─── DATA ───
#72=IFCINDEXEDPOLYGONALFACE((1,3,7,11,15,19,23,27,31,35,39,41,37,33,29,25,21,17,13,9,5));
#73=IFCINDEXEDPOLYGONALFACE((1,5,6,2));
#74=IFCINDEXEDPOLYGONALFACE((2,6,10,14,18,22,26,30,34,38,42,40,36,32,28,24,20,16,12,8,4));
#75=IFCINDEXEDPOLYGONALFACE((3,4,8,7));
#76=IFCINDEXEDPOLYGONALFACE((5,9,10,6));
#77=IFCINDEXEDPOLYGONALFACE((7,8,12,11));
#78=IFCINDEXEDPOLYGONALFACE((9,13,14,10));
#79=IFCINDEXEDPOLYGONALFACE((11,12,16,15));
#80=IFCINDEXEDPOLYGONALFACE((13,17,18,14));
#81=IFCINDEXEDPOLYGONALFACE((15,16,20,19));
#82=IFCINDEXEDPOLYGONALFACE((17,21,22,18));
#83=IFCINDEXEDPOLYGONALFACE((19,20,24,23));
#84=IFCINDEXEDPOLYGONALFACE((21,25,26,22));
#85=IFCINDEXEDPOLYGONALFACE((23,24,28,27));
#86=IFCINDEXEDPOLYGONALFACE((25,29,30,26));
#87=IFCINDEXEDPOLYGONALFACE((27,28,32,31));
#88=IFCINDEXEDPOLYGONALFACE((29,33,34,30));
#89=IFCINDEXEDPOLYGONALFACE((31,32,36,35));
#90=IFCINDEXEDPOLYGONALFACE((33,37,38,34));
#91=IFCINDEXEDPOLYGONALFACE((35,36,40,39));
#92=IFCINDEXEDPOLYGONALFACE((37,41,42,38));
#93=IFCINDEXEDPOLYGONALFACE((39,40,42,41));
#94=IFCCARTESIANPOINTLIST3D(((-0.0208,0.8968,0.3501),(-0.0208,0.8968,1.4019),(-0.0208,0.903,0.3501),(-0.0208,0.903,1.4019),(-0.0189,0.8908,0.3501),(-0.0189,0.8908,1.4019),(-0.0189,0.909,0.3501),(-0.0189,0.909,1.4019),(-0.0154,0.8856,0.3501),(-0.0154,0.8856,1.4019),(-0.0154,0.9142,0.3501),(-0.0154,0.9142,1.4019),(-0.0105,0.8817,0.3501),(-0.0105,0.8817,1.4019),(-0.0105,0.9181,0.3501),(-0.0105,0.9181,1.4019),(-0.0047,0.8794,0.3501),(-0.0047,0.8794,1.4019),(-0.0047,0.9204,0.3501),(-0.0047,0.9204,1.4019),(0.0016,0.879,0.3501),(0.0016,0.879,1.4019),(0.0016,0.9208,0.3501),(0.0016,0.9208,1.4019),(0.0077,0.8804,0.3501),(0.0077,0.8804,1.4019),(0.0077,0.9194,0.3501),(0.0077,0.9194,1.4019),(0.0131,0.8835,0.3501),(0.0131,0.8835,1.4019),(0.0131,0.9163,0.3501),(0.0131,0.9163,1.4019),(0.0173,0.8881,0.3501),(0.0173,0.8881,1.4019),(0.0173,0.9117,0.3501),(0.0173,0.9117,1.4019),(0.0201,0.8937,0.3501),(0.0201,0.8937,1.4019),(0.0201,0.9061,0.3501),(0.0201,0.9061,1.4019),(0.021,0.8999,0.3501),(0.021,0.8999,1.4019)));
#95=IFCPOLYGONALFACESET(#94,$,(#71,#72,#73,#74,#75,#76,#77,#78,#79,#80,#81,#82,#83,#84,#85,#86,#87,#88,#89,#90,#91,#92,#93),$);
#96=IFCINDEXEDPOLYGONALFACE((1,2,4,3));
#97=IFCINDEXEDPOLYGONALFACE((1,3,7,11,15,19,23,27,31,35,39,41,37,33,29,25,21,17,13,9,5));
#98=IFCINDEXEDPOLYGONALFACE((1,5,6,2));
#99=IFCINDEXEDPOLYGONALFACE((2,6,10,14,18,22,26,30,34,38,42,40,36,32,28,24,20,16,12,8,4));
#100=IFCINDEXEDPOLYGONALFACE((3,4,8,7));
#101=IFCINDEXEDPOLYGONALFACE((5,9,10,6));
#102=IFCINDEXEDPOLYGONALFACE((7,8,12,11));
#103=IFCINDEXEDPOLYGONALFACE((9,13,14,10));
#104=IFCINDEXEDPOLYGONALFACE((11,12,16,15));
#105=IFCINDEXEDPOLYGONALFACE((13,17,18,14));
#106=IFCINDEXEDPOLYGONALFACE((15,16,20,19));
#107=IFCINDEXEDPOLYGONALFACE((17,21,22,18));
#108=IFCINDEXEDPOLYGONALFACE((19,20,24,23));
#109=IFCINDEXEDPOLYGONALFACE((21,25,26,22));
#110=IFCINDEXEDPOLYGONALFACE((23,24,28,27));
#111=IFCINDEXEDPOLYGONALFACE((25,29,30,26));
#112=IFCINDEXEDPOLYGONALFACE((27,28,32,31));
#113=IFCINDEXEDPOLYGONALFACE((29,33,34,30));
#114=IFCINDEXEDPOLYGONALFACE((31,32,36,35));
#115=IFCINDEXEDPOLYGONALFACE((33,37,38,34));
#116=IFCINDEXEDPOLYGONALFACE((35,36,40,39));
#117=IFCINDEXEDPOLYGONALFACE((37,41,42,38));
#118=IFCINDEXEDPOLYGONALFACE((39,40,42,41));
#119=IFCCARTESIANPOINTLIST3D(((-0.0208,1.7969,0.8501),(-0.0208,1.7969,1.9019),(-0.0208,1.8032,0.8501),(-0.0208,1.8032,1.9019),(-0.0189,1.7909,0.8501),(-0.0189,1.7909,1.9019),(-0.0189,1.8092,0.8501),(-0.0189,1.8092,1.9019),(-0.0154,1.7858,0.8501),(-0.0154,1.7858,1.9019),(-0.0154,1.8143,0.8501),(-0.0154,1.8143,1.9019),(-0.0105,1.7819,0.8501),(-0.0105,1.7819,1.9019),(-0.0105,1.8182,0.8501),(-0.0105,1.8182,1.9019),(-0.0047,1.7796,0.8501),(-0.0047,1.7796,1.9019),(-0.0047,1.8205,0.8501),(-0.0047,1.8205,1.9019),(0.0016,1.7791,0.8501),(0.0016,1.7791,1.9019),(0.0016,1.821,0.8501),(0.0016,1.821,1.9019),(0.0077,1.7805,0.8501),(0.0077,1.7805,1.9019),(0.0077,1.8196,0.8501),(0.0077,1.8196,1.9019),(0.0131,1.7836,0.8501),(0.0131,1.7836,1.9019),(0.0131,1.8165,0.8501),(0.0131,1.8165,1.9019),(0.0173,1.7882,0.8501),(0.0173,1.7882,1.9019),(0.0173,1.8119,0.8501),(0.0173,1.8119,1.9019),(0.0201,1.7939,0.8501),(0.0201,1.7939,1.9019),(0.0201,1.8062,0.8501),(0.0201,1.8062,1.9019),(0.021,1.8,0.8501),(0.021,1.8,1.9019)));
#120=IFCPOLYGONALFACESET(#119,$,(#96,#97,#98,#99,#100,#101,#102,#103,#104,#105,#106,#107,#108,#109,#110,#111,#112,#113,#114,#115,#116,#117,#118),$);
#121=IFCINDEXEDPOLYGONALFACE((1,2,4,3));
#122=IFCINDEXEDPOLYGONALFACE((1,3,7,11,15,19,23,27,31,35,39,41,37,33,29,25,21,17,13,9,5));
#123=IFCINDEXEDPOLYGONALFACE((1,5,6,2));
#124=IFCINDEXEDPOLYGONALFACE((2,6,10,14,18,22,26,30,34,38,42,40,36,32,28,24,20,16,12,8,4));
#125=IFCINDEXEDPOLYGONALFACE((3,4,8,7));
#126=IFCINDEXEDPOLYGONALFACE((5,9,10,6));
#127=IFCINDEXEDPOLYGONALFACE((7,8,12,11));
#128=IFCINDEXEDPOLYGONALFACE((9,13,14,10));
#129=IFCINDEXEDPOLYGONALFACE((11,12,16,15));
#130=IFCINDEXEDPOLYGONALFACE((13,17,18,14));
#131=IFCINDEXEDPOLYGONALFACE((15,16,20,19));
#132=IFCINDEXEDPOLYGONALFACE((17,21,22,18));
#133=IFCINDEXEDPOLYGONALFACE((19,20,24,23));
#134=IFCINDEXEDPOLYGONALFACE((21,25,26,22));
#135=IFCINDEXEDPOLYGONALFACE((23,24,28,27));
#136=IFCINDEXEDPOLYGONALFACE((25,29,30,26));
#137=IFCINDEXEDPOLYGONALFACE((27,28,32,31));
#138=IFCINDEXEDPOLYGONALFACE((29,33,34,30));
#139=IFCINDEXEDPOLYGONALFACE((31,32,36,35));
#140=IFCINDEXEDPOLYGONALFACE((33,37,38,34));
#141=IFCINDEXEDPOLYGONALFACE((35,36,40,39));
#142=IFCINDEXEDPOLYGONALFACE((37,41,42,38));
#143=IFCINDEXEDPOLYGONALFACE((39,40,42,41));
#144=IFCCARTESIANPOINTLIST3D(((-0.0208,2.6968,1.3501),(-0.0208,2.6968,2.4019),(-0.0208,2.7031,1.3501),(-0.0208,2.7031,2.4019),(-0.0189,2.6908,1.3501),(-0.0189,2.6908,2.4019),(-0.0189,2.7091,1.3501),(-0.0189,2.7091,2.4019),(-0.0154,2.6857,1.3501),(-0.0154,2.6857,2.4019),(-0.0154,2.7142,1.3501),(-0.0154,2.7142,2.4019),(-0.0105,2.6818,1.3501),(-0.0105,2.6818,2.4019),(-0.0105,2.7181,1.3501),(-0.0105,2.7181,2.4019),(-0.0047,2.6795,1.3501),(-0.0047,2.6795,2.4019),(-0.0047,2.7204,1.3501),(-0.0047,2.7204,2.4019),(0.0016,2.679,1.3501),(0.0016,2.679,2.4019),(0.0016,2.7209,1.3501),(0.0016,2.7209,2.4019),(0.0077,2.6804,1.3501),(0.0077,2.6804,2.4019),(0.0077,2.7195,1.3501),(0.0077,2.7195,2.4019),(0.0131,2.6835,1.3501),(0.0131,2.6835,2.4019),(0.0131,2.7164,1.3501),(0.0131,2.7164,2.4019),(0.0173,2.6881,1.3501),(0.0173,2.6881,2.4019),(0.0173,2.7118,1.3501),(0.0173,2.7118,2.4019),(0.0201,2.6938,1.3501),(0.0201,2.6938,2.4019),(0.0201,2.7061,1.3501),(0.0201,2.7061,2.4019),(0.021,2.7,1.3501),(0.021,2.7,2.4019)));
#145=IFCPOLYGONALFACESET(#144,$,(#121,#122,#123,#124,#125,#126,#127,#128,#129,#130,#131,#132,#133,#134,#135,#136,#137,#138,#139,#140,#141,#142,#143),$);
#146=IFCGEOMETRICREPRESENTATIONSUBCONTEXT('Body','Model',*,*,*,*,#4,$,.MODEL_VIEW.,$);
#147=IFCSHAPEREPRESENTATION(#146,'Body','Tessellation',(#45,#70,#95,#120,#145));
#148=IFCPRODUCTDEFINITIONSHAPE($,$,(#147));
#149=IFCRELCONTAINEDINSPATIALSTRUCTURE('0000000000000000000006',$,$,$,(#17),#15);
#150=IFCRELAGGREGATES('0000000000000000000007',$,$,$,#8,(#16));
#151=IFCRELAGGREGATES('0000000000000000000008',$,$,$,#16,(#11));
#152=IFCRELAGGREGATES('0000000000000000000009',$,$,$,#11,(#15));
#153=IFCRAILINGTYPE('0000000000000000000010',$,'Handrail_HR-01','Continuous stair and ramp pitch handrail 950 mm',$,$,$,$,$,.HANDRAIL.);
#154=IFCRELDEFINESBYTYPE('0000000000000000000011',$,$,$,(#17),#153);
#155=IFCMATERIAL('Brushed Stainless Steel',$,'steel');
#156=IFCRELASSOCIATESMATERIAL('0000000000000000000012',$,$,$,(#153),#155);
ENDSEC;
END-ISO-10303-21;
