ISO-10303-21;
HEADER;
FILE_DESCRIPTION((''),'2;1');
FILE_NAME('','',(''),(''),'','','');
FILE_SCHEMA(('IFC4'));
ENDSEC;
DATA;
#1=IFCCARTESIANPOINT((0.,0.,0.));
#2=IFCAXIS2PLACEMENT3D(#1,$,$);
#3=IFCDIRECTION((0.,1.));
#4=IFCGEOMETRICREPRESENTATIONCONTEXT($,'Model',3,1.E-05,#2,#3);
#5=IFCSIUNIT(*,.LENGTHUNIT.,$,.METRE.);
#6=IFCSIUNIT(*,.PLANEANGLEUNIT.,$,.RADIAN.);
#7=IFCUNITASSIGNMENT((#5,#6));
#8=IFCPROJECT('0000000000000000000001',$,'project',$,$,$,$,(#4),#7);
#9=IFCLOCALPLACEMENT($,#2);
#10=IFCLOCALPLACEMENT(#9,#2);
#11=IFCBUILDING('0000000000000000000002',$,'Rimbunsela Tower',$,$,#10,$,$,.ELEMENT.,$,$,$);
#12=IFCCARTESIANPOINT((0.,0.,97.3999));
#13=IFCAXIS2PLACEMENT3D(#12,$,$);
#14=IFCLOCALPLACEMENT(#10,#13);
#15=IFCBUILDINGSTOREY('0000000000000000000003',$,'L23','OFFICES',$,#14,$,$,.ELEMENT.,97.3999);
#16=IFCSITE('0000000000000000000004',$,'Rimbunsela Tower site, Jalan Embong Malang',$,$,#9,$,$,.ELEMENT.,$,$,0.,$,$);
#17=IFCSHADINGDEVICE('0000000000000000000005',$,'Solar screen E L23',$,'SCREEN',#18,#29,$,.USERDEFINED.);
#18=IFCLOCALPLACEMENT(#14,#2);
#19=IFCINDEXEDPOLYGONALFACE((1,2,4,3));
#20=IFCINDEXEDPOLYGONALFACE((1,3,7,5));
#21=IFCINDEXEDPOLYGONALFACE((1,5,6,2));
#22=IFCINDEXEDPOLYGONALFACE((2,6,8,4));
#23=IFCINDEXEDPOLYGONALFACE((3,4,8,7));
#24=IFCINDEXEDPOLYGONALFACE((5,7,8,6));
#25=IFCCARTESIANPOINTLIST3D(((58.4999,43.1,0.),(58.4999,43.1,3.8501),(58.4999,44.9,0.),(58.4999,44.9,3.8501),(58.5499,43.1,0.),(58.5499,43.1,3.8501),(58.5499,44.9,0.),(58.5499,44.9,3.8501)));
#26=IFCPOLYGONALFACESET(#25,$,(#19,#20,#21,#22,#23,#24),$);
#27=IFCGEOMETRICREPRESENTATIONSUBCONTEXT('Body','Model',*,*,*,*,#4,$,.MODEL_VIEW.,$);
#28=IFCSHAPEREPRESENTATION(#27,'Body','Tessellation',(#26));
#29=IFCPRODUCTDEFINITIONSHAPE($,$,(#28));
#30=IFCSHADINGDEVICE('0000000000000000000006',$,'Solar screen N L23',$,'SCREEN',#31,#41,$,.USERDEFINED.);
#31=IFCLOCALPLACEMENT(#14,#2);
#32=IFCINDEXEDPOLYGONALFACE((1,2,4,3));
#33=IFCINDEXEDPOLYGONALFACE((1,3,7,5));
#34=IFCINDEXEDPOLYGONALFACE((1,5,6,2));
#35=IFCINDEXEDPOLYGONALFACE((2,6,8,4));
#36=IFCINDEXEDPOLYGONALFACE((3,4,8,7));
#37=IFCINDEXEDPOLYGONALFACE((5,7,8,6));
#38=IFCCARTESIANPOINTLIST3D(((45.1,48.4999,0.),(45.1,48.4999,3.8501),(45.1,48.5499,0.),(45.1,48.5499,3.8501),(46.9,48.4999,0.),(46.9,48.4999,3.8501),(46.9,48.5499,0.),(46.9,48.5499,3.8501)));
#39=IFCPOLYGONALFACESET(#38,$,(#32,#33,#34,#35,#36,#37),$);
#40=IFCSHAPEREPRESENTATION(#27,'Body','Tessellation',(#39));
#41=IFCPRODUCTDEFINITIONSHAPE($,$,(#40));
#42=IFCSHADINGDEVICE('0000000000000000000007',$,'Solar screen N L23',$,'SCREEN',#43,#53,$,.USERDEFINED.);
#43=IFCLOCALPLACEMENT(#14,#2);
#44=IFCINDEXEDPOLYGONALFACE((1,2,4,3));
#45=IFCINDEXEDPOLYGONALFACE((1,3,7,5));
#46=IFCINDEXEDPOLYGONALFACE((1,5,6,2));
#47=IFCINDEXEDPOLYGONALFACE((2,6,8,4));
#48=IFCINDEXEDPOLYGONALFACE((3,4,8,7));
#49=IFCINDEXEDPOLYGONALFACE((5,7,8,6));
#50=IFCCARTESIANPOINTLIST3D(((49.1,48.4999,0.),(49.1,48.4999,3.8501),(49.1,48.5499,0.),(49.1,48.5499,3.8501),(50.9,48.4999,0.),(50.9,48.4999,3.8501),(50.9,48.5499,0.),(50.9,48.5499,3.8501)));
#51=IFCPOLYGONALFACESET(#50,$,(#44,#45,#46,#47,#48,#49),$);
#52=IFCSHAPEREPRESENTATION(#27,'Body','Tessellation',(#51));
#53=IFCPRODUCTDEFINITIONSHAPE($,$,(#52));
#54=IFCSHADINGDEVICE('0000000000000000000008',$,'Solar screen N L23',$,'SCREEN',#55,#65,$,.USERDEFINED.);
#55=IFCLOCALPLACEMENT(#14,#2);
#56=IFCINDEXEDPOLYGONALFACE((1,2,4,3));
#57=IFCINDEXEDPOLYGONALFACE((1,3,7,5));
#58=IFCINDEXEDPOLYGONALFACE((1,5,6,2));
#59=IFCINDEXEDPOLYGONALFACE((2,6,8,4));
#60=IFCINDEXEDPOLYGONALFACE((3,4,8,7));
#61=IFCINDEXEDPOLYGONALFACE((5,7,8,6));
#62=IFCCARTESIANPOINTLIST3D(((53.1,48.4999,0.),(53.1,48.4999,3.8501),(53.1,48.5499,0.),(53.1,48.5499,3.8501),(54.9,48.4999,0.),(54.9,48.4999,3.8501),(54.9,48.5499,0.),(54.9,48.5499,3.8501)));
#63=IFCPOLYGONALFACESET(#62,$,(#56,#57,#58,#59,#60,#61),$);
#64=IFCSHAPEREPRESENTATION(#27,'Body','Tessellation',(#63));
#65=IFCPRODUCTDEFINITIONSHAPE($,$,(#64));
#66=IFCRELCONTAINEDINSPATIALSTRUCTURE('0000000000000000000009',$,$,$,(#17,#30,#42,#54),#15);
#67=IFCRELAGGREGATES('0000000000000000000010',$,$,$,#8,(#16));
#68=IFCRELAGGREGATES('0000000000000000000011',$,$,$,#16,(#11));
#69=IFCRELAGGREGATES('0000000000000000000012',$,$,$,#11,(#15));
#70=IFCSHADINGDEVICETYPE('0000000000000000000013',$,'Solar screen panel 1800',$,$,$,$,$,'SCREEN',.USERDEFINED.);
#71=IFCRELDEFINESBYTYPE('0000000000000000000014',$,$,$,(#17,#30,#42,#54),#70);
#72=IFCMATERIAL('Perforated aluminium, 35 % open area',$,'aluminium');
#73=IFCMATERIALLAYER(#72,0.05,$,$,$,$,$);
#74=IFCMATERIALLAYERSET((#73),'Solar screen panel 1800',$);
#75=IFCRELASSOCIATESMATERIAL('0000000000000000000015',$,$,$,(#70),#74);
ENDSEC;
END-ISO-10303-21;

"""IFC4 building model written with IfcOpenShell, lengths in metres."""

from ifc_helpers import new_model, si_unit, direction, frame, origin, origin_2d, place, context, subcontext, project, spatial, rectangle, extrude, material, layer, layer_set, type_object, element, save


model = new_model("IFC4")

# Units and contexts
model_context = context("Model", 3, precision=1e-05, world=origin(), true_north=direction((0.0, 1.0)))
body_context = subcontext(model_context, "Body", "Model", "MODEL_VIEW")
ifc_project = project(units=[si_unit("LENGTHUNIT", "METRE"), si_unit("PLANEANGLEUNIT", "RADIAN")], contexts=[model_context])

# Site, building, storey
site_placement = place(None, origin())
site = spatial("IfcSite", under=ifc_project, at=site_placement, Name="Rimbunsela Tower site, Jalan Embong Malang", CompositionType="ELEMENT", RefElevation=0.0)
building_placement = place(site_placement, origin())
building = spatial("IfcBuilding", under=site, at=building_placement, Name="Rimbunsela Tower", CompositionType="ELEMENT")
storey_placement = place(building_placement, frame((0.0, 0.0, 97.3999)))
storey = spatial("IfcBuildingStorey", under=building, at=storey_placement, Name="L23", Description="OFFICES", CompositionType="ELEMENT", Elevation=97.3999)

# Shading devices
ifc_material_1 = material(Name="Perforated aluminium, 35 % open area", Category="aluminium")
ifc_layer_1 = layer(ifc_material_1, 0.05)
ifc_layer_set_1 = layer_set([ifc_layer_1], Name="Solar screen panel 1800")
shading_device_type = type_object("IfcShadingDeviceType", Name="Solar screen panel 1800", ElementType="SCREEN", PredefinedType="USERDEFINED", material=ifc_layer_set_1)
for number, where, z_axis, x_axis, name in (
    (1, (58.5249, 44.0, 0.0), (0.0, 0.0, 1.0), (0.0, 1.0, 0.0), "Solar screen E L23"),
    (2, (46.0, 48.5249, 0.0), (0.0, 0.0, 1.0), (1.0, 0.0, 0.0), "Solar screen N L23"),
    (3, (50.0, 48.5249, 0.0), (0.0, 0.0, 1.0), (1.0, 0.0, 0.0), "Solar screen N L23"),
    (4, (54.0, 48.5249, 0.0), (0.0, 0.0, 1.0), (1.0, 0.0, 0.0), "Solar screen N L23"),
):
    element("IfcShadingDevice", number, at=place(storey_placement, frame(where, z_axis=z_axis, x_axis=x_axis)), inside=storey, type_object=shading_device_type, Name=name, ObjectType="SCREEN", PredefinedType="USERDEFINED", context=body_context, shape_type="SweptSolid", body=[
        extrude(rectangle(XDim=1.8, YDim=0.05, at=origin_2d()), origin(), (0.0, 0.0, 1.0), 3.8501),
    ])

save(model, "model.ifc")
───
REQUIREMENT: From the records above, copy only the lines starting with the line that holds "FILE_NAME('','',(''),(''),'','','');" and going on through the line that holds "#10=IFCLOCALPLACEMENT(#9,#2);", exactly as written.

TASK ANSWER:
FILE_NAME('','',(''),(''),'','','');
FILE_SCHEMA(('IFC4'));
ENDSEC;
DATA;
#1=IFCCARTESIANPOINT((0.,0.,0.));
#2=IFCAXIS2PLACEMENT3D(#1,$,$);
#3=IFCDIRECTION((0.,1.));
#4=IFCGEOMETRICREPRESENTATIONCONTEXT($,'Model',3,1.E-05,#2,#3);
#5=IFCSIUNIT(*,.LENGTHUNIT.,$,.METRE.);
#6=IFCSIUNIT(*,.PLANEANGLEUNIT.,$,.RADIAN.);
#7=IFCUNITASSIGNMENT((#5,#6));
#8=IFCPROJECT('0000000000000000000001',$,'project',$,$,$,$,(#4),#7);
#9=IFCLOCALPLACEMENT($,#2);
#10=IFCLOCALPLACEMENT(#9,#2);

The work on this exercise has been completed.